Assignment
Find the lines of data that contain the string "IFCSHAPEREPRESENTATION", then list them.

--- Data excerpts Enclosed Below ---

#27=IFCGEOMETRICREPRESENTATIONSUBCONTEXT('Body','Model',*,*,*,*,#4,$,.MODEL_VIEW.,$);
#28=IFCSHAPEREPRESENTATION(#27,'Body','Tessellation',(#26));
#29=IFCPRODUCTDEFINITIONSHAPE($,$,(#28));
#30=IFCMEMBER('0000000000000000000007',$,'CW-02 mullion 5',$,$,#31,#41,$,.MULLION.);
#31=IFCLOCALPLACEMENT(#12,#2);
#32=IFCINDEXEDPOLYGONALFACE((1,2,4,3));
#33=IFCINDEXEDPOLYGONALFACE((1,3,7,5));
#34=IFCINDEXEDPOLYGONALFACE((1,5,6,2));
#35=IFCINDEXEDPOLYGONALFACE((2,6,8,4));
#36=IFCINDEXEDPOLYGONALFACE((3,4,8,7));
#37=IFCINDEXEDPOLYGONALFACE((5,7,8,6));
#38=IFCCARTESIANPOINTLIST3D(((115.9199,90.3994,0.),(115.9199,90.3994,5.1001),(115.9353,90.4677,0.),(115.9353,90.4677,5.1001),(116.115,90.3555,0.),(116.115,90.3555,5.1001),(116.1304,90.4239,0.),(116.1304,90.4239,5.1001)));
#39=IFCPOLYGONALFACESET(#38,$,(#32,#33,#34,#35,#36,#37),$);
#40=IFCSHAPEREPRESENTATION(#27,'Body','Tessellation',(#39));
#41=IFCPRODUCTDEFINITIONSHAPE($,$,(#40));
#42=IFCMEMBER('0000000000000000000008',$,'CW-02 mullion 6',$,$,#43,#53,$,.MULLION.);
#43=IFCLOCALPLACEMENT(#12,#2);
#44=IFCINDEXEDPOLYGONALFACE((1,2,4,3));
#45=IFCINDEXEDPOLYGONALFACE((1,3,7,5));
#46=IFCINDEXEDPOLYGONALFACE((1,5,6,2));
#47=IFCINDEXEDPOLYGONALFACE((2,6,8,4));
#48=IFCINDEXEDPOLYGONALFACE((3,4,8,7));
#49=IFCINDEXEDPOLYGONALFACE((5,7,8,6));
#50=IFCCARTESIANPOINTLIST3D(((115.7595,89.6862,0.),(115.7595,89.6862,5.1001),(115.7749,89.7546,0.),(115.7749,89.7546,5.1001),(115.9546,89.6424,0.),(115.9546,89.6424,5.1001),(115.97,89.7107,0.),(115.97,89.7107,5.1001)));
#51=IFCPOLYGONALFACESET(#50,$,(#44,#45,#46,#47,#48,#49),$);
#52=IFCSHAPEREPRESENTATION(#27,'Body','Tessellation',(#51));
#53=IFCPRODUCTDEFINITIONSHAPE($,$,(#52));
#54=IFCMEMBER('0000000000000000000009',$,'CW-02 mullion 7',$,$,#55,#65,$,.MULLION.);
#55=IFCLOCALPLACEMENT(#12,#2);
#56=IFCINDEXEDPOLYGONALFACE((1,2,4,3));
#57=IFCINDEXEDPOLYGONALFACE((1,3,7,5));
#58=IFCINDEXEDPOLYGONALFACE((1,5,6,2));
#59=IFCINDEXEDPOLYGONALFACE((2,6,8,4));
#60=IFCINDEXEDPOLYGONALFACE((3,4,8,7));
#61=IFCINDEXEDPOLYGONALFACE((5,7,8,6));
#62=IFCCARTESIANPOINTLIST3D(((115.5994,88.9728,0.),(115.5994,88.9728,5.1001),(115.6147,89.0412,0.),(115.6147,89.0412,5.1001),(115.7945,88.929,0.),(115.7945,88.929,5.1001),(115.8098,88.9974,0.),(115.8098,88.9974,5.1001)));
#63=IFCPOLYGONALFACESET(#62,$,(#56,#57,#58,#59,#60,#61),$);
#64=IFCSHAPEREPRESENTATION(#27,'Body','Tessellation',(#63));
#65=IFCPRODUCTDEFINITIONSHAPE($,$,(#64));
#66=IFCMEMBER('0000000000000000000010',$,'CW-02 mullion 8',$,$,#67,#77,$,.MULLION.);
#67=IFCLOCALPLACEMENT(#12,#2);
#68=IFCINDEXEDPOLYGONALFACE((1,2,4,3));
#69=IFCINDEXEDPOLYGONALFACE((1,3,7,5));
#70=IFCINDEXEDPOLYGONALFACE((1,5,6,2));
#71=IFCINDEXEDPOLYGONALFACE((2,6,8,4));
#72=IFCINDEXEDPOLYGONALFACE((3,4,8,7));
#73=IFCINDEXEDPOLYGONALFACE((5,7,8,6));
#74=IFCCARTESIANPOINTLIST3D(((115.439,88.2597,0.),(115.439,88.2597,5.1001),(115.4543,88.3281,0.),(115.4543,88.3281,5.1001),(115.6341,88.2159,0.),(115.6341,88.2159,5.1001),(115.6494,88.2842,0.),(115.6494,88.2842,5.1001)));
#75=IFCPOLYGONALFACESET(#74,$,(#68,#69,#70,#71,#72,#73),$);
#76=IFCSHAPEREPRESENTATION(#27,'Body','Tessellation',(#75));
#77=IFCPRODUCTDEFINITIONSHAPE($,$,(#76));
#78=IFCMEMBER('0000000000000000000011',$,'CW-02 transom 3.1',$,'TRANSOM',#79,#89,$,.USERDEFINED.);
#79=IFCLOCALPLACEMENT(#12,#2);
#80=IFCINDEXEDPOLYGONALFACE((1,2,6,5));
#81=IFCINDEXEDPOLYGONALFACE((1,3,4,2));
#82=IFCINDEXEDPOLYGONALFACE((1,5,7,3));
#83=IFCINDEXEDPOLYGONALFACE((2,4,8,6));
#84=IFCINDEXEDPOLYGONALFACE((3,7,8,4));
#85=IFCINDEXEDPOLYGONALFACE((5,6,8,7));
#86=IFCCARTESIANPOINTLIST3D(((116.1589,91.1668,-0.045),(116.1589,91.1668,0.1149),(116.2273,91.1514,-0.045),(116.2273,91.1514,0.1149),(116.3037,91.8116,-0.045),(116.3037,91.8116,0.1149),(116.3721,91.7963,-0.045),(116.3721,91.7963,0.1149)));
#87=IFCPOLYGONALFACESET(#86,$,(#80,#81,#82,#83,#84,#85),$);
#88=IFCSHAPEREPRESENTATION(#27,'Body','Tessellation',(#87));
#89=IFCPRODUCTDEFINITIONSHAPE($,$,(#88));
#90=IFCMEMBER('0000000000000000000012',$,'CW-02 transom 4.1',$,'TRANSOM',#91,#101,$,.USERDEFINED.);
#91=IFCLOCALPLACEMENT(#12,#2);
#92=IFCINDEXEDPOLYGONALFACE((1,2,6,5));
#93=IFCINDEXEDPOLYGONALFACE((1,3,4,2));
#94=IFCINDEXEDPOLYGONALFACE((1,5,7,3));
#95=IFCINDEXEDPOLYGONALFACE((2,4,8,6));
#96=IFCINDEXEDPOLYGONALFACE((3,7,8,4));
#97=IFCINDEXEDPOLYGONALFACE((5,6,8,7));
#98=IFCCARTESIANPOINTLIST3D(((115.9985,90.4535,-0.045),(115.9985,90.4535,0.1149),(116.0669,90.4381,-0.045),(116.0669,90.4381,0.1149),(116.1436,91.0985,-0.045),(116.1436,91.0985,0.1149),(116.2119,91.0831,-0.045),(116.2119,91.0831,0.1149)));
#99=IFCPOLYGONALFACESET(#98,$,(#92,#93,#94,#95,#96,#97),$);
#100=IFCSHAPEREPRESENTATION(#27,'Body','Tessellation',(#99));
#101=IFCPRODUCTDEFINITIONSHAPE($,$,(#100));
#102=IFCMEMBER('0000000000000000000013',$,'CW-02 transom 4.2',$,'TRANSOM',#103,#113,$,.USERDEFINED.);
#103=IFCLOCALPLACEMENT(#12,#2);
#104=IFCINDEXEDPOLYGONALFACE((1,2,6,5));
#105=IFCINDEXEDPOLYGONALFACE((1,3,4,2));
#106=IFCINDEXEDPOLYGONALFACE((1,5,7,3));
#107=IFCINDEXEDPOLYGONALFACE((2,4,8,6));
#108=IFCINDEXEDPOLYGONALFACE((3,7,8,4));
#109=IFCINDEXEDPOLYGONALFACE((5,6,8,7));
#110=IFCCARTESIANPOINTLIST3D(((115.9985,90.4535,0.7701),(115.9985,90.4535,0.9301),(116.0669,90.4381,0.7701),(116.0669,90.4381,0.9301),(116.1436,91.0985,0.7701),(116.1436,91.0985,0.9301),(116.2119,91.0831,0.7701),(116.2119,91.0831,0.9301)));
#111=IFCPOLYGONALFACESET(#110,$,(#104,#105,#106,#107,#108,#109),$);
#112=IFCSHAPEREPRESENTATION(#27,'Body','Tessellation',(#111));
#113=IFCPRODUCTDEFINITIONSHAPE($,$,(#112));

--- End of Enclosed Data excerpts ---

Finished task
#28=IFCSHAPEREPRESENTATION(#27,'Body','Tessellation',(#26));
#40=IFCSHAPEREPRESENTATION(#27,'Body','Tessellation',(#39));
#52=IFCSHAPEREPRESENTATION(#27,'Body','Tessellation',(#51));
#64=IFCSHAPEREPRESENTATION(#27,'Body','Tessellation',(#63));
#76=IFCSHAPEREPRESENTATION(#27,'Body','Tessellation',(#75));
#88=IFCSHAPEREPRESENTATION(#27,'Body','Tessellation',(#87));
#100=IFCSHAPEREPRESENTATION(#27,'Body','Tessellation',(#99));
#112=IFCSHAPEREPRESENTATION(#27,'Body','Tessellation',(#111));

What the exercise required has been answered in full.